Print every record below exactly as written.
......
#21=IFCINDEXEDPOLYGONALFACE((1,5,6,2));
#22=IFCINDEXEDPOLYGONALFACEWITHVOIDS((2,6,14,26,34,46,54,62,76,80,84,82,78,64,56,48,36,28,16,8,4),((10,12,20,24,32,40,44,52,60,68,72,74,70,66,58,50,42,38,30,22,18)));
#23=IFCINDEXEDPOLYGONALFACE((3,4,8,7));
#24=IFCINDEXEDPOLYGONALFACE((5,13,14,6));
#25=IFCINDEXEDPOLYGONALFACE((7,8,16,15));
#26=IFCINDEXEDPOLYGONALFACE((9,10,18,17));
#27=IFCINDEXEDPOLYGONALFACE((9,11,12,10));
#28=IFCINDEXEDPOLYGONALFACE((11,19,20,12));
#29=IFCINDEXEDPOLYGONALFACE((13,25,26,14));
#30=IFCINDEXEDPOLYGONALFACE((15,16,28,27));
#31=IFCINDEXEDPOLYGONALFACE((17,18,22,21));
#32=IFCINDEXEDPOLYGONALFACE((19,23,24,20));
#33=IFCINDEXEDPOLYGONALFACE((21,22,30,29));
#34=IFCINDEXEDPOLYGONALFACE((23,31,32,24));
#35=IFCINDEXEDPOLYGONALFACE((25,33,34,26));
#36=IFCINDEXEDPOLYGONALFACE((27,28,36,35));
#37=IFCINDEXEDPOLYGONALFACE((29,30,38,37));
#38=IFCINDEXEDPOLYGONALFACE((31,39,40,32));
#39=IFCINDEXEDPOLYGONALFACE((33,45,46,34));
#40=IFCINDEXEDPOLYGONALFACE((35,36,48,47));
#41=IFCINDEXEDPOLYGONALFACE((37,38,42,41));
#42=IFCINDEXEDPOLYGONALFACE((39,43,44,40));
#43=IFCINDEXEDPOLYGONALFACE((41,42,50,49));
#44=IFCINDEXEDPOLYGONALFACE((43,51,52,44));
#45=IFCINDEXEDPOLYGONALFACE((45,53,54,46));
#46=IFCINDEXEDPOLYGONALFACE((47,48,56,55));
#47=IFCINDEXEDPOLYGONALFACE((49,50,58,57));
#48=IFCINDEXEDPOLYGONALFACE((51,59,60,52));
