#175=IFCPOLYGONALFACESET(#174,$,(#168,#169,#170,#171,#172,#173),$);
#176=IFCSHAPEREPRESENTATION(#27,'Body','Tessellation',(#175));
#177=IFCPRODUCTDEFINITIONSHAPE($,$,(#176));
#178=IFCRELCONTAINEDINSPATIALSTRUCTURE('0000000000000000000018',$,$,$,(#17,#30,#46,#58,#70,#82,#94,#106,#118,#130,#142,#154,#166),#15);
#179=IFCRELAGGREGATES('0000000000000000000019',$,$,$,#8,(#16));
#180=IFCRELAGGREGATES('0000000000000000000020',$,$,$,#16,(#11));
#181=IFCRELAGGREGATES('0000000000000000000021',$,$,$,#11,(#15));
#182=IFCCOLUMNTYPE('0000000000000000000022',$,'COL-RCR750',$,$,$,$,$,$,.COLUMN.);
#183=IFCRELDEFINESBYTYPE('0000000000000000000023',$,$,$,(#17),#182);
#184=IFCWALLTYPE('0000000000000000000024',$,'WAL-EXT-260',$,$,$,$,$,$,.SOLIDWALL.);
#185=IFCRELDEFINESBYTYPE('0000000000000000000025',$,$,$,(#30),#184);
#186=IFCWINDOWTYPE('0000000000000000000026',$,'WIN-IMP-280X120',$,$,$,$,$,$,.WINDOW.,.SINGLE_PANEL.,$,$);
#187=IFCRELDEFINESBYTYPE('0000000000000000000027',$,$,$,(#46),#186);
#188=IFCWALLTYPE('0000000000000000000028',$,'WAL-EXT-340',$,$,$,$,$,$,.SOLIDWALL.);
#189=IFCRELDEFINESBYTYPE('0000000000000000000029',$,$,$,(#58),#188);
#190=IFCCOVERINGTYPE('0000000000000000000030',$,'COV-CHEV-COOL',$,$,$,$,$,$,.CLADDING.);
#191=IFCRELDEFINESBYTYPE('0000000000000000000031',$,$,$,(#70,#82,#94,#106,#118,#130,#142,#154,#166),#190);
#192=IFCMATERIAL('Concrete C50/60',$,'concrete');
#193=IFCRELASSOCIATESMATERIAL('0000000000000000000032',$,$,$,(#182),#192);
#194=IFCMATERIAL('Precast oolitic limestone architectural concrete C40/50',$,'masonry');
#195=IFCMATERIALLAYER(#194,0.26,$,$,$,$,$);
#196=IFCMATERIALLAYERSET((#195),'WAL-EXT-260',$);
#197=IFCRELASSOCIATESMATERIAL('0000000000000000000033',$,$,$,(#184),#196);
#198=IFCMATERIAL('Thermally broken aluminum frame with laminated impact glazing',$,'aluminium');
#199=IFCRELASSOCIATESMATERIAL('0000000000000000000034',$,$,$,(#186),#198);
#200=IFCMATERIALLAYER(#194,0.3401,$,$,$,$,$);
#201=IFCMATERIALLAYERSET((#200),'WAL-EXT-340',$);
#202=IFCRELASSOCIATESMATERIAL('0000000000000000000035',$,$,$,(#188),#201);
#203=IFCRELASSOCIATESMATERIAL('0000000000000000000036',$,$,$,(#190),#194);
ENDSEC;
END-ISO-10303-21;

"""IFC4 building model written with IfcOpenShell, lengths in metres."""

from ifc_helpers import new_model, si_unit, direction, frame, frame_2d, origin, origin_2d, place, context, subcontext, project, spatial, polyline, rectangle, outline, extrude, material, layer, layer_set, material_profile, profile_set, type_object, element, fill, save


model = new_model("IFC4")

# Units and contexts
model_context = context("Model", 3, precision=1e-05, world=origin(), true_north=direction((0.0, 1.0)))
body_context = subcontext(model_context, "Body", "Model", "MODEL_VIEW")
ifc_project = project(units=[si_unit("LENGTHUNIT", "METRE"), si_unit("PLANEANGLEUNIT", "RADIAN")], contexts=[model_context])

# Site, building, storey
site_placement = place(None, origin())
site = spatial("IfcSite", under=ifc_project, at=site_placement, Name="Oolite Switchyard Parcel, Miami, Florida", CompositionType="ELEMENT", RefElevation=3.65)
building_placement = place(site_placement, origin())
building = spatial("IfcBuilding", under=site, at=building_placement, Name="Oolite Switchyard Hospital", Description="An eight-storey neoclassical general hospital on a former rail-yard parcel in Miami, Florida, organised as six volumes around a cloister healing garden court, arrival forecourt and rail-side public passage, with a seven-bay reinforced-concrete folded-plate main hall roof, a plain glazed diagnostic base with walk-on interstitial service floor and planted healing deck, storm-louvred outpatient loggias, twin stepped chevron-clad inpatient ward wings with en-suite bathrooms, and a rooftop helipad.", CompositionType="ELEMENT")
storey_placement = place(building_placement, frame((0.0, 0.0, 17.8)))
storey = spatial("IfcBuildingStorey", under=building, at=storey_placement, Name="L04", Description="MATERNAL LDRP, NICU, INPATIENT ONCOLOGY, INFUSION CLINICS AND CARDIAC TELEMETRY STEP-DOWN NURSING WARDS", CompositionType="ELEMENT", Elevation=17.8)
......
◆ **Solution for this exercise**:
#21=IFCINDEXEDPOLYGONALFACE((1,5,6,2));
#22=IFCINDEXEDPOLYGONALFACEWITHVOIDS((2,6,14,26,34,46,54,62,76,80,84,82,78,64,56,48,36,28,16,8,4),((10,12,20,24,32,40,44,52,60,68,72,74,70,66,58,50,42,38,30,22,18)));
#23=IFCINDEXEDPOLYGONALFACE((3,4,8,7));
#24=IFCINDEXEDPOLYGONALFACE((5,13,14,6));
#25=IFCINDEXEDPOLYGONALFACE((7,8,16,15));
#26=IFCINDEXEDPOLYGONALFACE((9,10,18,17));
#27=IFCINDEXEDPOLYGONALFACE((9,11,12,10));
#28=IFCINDEXEDPOLYGONALFACE((11,19,20,12));
#29=IFCINDEXEDPOLYGONALFACE((13,25,26,14));
#30=IFCINDEXEDPOLYGONALFACE((15,16,28,27));
#31=IFCINDEXEDPOLYGONALFACE((17,18,22,21));
#32=IFCINDEXEDPOLYGONALFACE((19,23,24,20));
#33=IFCINDEXEDPOLYGONALFACE((21,22,30,29));
#34=IFCINDEXEDPOLYGONALFACE((23,31,32,24));
#35=IFCINDEXEDPOLYGONALFACE((25,33,34,26));
#36=IFCINDEXEDPOLYGONALFACE((27,28,36,35));
#37=IFCINDEXEDPOLYGONALFACE((29,30,38,37));
#38=IFCINDEXEDPOLYGONALFACE((31,39,40,32));
#39=IFCINDEXEDPOLYGONALFACE((33,45,46,34));
#40=IFCINDEXEDPOLYGONALFACE((35,36,48,47));
#41=IFCINDEXEDPOLYGONALFACE((37,38,42,41));
#42=IFCINDEXEDPOLYGONALFACE((39,43,44,40));
#43=IFCINDEXEDPOLYGONALFACE((41,42,50,49));
#44=IFCINDEXEDPOLYGONALFACE((43,51,52,44));
#45=IFCINDEXEDPOLYGONALFACE((45,53,54,46));
#46=IFCINDEXEDPOLYGONALFACE((47,48,56,55));
#47=IFCINDEXEDPOLYGONALFACE((49,50,58,57));
#48=IFCINDEXEDPOLYGONALFACE((51,59,60,52));
#175=IFCPOLYGONALFACESET(#174,$,(#168,#169,#170,#171,#172,#173),$);
#176=IFCSHAPEREPRESENTATION(#27,'Body','Tessellation',(#175));
#177=IFCPRODUCTDEFINITIONSHAPE($,$,(#176));
#178=IFCRELCONTAINEDINSPATIALSTRUCTURE('0000000000000000000018',$,$,$,(#17,#30,#46,#58,#70,#82,#94,#106,#118,#130,#142,#154,#166),#15);
#179=IFCRELAGGREGATES('0000000000000000000019',$,$,$,#8,(#16));
#180=IFCRELAGGREGATES('0000000000000000000020',$,$,$,#16,(#11));
#181=IFCRELAGGREGATES('0000000000000000000021',$,$,$,#11,(#15));
#182=IFCCOLUMNTYPE('0000000000000000000022',$,'COL-RCR750',$,$,$,$,$,$,.COLUMN.);
#183=IFCRELDEFINESBYTYPE('0000000000000000000023',$,$,$,(#17),#182);
#184=IFCWALLTYPE('0000000000000000000024',$,'WAL-EXT-260',$,$,$,$,$,$,.SOLIDWALL.);
#185=IFCRELDEFINESBYTYPE('0000000000000000000025',$,$,$,(#30),#184);
#186=IFCWINDOWTYPE('0000000000000000000026',$,'WIN-IMP-280X120',$,$,$,$,$,$,.WINDOW.,.SINGLE_PANEL.,$,$);
#187=IFCRELDEFINESBYTYPE('0000000000000000000027',$,$,$,(#46),#186);
#188=IFCWALLTYPE('0000000000000000000028',$,'WAL-EXT-340',$,$,$,$,$,$,.SOLIDWALL.);
#189=IFCRELDEFINESBYTYPE('0000000000000000000029',$,$,$,(#58),#188);
#190=IFCCOVERINGTYPE('0000000000000000000030',$,'COV-CHEV-COOL',$,$,$,$,$,$,.CLADDING.);
#191=IFCRELDEFINESBYTYPE('0000000000000000000031',$,$,$,(#70,#82,#94,#106,#118,#130,#142,#154,#166),#190);
#192=IFCMATERIAL('Concrete C50/60',$,'concrete');
#193=IFCRELASSOCIATESMATERIAL('0000000000000000000032',$,$,$,(#182),#192);
#194=IFCMATERIAL('Precast oolitic limestone architectural concrete C40/50',$,'masonry');
#195=IFCMATERIALLAYER(#194,0.26,$,$,$,$,$);
#196=IFCMATERIALLAYERSET((#195),'WAL-EXT-260',$);
#197=IFCRELASSOCIATESMATERIAL('0000000000000000000033',$,$,$,(#184),#196);
#198=IFCMATERIAL('Thermally broken aluminum frame with laminated impact glazing',$,'aluminium');
#199=IFCRELASSOCIATESMATERIAL('0000000000000000000034',$,$,$,(#186),#198);
#200=IFCMATERIALLAYER(#194,0.3401,$,$,$,$,$);
#201=IFCMATERIALLAYERSET((#200),'WAL-EXT-340',$);
#202=IFCRELASSOCIATESMATERIAL('0000000000000000000035',$,$,$,(#188),#201);
#203=IFCRELASSOCIATESMATERIAL('0000000000000000000036',$,$,$,(#190),#194);
ENDSEC;
END-ISO-10303-21;

"""IFC4 building model written with IfcOpenShell, lengths in metres."""

from ifc_helpers import new_model, si_unit, direction, frame, frame_2d, origin, origin_2d, place, context, subcontext, project, spatial, polyline, rectangle, outline, extrude, material, layer, layer_set, material_profile, profile_set, type_object, element, fill, save


model = new_model("IFC4")

# Units and contexts
model_context = context("Model", 3, precision=1e-05, world=origin(), true_north=direction((0.0, 1.0)))
body_context = subcontext(model_context, "Body", "Model", "MODEL_VIEW")
ifc_project = project(units=[si_unit("LENGTHUNIT", "METRE"), si_unit("PLANEANGLEUNIT", "RADIAN")], contexts=[model_context])

# Site, building, storey
site_placement = place(None, origin())
site = spatial("IfcSite", under=ifc_project, at=site_placement, Name="Oolite Switchyard Parcel, Miami, Florida", CompositionType="ELEMENT", RefElevation=3.65)
building_placement = place(site_placement, origin())
building = spatial("IfcBuilding", under=site, at=building_placement, Name="Oolite Switchyard Hospital", Description="An eight-storey neoclassical general hospital on a former rail-yard parcel in Miami, Florida, organised as six volumes around a cloister healing garden court, arrival forecourt and rail-side public passage, with a seven-bay reinforced-concrete folded-plate main hall roof, a plain glazed diagnostic base with walk-on interstitial service floor and planted healing deck, storm-louvred outpatient loggias, twin stepped chevron-clad inpatient ward wings with en-suite bathrooms, and a rooftop helipad.", CompositionType="ELEMENT")
storey_placement = place(building_placement, frame((0.0, 0.0, 17.8)))
storey = spatial("IfcBuildingStorey", under=building, at=storey_placement, Name="L04", Description="MATERNAL LDRP, NICU, INPATIENT ONCOLOGY, INFUSION CLINICS AND CARDIAC TELEMETRY STEP-DOWN NURSING WARDS", CompositionType="ELEMENT", Elevation=17.8)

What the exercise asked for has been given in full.